▶ _Work request_
Find the word "IFCRELDEFINESBYTYPE" in the records and copy every line where it occurs.

---- Data for review

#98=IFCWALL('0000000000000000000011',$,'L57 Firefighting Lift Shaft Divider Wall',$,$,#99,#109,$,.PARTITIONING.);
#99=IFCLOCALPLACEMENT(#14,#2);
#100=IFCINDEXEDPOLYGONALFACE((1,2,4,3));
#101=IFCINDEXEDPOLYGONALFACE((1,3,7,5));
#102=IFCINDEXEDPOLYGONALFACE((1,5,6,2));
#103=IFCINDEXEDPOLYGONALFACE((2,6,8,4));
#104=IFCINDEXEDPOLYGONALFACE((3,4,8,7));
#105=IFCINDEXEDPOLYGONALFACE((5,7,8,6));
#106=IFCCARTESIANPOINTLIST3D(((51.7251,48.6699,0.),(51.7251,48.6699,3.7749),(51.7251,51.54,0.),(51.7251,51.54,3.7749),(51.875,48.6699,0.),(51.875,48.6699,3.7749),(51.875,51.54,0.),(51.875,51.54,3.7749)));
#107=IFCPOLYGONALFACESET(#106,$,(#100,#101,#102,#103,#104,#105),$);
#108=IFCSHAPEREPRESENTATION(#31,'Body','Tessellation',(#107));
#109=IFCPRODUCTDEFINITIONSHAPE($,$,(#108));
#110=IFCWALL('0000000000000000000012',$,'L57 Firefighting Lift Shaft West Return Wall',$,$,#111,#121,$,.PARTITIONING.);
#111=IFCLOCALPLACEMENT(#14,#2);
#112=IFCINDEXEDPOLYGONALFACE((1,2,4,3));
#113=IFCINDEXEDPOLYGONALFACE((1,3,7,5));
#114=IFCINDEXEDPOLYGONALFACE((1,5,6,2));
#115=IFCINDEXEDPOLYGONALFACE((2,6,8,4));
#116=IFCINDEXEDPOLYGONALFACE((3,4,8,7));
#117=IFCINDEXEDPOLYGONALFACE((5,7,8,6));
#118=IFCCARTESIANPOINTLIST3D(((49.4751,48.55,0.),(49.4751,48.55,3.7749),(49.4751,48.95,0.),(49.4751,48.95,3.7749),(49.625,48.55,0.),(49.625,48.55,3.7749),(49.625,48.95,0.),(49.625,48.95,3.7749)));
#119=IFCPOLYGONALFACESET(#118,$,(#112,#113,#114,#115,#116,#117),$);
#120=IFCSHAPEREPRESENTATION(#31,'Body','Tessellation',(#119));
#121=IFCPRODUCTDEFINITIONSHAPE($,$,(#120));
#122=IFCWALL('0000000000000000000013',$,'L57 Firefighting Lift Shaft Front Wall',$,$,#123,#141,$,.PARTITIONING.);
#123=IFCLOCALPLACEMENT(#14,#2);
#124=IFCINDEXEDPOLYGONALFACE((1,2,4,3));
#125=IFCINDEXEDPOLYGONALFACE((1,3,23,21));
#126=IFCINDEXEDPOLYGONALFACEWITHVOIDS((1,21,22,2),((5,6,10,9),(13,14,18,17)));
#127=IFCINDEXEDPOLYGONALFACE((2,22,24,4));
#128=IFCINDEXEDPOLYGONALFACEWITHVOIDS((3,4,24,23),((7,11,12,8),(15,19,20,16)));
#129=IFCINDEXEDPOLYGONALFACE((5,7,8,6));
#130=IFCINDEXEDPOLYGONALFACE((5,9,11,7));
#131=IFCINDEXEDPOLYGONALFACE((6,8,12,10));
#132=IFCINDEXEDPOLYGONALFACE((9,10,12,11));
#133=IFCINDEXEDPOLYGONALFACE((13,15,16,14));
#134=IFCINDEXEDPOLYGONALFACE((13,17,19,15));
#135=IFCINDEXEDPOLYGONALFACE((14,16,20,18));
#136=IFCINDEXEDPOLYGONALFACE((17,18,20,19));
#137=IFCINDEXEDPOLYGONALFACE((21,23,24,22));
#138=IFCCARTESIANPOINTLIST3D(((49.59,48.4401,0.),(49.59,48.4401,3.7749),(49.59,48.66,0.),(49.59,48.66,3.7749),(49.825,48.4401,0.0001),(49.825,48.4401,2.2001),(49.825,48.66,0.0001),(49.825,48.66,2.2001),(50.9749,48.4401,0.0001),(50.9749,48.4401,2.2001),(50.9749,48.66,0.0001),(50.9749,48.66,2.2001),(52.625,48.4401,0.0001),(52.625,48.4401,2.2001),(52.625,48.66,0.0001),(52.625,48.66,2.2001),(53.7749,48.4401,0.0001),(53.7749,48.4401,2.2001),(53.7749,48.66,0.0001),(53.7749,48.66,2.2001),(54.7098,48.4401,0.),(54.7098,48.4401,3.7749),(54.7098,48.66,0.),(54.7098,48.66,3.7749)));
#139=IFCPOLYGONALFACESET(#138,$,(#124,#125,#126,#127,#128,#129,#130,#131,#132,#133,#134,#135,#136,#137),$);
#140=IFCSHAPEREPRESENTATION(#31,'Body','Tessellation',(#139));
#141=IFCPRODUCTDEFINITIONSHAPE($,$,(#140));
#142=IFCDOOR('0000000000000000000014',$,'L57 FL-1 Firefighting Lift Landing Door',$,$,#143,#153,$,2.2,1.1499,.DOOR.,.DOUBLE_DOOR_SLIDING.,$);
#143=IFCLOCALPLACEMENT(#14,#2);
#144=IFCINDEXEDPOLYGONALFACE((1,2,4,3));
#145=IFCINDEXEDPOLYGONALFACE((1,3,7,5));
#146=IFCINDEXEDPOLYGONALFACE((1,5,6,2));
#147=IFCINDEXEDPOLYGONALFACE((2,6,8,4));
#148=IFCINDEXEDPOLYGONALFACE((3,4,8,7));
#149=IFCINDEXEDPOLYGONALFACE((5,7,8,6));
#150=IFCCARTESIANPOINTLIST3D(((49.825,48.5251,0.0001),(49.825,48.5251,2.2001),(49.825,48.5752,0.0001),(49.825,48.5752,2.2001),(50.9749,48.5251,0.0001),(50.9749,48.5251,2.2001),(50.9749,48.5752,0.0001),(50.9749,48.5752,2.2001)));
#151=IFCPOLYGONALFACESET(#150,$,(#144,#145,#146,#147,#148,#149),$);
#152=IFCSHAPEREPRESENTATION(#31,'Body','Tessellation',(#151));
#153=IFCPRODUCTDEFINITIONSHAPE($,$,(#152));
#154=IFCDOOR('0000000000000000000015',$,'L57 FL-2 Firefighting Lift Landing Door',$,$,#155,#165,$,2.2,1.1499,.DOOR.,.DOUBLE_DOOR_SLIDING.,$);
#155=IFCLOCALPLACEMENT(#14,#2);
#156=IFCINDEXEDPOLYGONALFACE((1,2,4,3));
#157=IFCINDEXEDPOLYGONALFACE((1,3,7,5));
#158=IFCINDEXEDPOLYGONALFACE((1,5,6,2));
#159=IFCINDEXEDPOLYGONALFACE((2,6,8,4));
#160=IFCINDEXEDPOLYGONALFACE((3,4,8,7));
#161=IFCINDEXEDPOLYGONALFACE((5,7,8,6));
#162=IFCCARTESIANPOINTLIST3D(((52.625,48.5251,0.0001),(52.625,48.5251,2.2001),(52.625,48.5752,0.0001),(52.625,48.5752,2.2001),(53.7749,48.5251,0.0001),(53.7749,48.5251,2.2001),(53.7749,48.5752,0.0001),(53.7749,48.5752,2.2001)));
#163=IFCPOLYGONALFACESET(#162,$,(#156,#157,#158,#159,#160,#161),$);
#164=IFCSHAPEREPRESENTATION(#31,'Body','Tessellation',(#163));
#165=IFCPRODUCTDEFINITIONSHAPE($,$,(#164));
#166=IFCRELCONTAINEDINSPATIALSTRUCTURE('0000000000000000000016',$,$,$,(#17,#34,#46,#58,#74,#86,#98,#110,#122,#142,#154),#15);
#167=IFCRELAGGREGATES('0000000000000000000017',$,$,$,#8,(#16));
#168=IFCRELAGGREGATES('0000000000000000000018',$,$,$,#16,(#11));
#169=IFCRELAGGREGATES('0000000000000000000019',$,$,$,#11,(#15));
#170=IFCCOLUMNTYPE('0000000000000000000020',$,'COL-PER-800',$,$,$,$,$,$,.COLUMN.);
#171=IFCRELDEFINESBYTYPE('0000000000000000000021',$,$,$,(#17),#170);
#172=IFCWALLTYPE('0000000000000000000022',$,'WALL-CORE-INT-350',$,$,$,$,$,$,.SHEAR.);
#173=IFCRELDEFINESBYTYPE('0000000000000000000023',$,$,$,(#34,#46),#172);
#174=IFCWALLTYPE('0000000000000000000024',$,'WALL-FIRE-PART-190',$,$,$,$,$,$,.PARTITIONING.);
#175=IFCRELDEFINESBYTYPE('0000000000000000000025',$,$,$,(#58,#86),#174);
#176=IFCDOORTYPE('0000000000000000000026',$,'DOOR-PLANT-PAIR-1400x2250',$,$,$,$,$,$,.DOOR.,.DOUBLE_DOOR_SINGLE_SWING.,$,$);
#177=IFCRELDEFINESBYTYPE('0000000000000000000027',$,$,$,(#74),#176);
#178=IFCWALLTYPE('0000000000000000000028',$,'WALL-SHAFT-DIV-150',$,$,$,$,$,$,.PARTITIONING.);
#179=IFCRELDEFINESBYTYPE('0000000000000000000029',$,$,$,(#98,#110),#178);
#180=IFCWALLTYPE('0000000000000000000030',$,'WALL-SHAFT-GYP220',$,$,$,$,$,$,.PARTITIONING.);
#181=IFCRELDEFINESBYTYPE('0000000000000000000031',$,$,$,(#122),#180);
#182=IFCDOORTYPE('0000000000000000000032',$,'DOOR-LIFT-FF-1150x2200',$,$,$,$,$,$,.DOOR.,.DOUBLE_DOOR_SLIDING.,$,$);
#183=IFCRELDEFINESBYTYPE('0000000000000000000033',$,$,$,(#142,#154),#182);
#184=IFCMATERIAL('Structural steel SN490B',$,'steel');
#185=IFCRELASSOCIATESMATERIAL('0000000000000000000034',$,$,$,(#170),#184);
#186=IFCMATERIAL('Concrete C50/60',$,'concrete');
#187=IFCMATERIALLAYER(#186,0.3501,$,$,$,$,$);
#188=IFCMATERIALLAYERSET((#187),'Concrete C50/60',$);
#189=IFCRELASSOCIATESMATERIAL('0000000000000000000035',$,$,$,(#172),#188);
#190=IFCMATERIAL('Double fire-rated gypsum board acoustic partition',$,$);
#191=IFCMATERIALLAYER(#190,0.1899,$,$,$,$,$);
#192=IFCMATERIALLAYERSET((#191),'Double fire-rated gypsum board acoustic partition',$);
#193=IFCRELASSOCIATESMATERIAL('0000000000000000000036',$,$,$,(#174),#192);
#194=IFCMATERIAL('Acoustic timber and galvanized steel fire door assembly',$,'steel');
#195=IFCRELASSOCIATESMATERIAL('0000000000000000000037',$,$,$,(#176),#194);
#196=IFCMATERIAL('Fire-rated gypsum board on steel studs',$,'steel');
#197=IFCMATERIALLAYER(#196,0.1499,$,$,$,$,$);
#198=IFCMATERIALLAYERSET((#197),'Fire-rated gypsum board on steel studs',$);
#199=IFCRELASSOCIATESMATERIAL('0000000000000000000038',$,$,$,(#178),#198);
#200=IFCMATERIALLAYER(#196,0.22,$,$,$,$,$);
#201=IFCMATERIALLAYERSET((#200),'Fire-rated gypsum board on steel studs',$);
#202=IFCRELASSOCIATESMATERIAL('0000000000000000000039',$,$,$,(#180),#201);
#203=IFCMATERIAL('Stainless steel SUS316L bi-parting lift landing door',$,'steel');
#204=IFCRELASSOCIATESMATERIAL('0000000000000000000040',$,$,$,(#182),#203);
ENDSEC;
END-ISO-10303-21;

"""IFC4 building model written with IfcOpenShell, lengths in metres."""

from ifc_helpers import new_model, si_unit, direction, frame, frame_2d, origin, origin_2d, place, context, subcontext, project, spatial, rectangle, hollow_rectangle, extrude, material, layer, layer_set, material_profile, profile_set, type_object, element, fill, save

--------

▶ _Solution to this problem_
#171=IFCRELDEFINESBYTYPE('0000000000000000000021',$,$,$,(#17),#170);
#173=IFCRELDEFINESBYTYPE('0000000000000000000023',$,$,$,(#34,#46),#172);
#175=IFCRELDEFINESBYTYPE('0000000000000000000025',$,$,$,(#58,#86),#174);
#177=IFCRELDEFINESBYTYPE('0000000000000000000027',$,$,$,(#74),#176);
#179=IFCRELDEFINESBYTYPE('0000000000000000000029',$,$,$,(#98,#110),#178);
#181=IFCRELDEFINESBYTYPE('0000000000000000000031',$,$,$,(#122),#180);
#183=IFCRELDEFINESBYTYPE('0000000000000000000033',$,$,$,(#142,#154),#182);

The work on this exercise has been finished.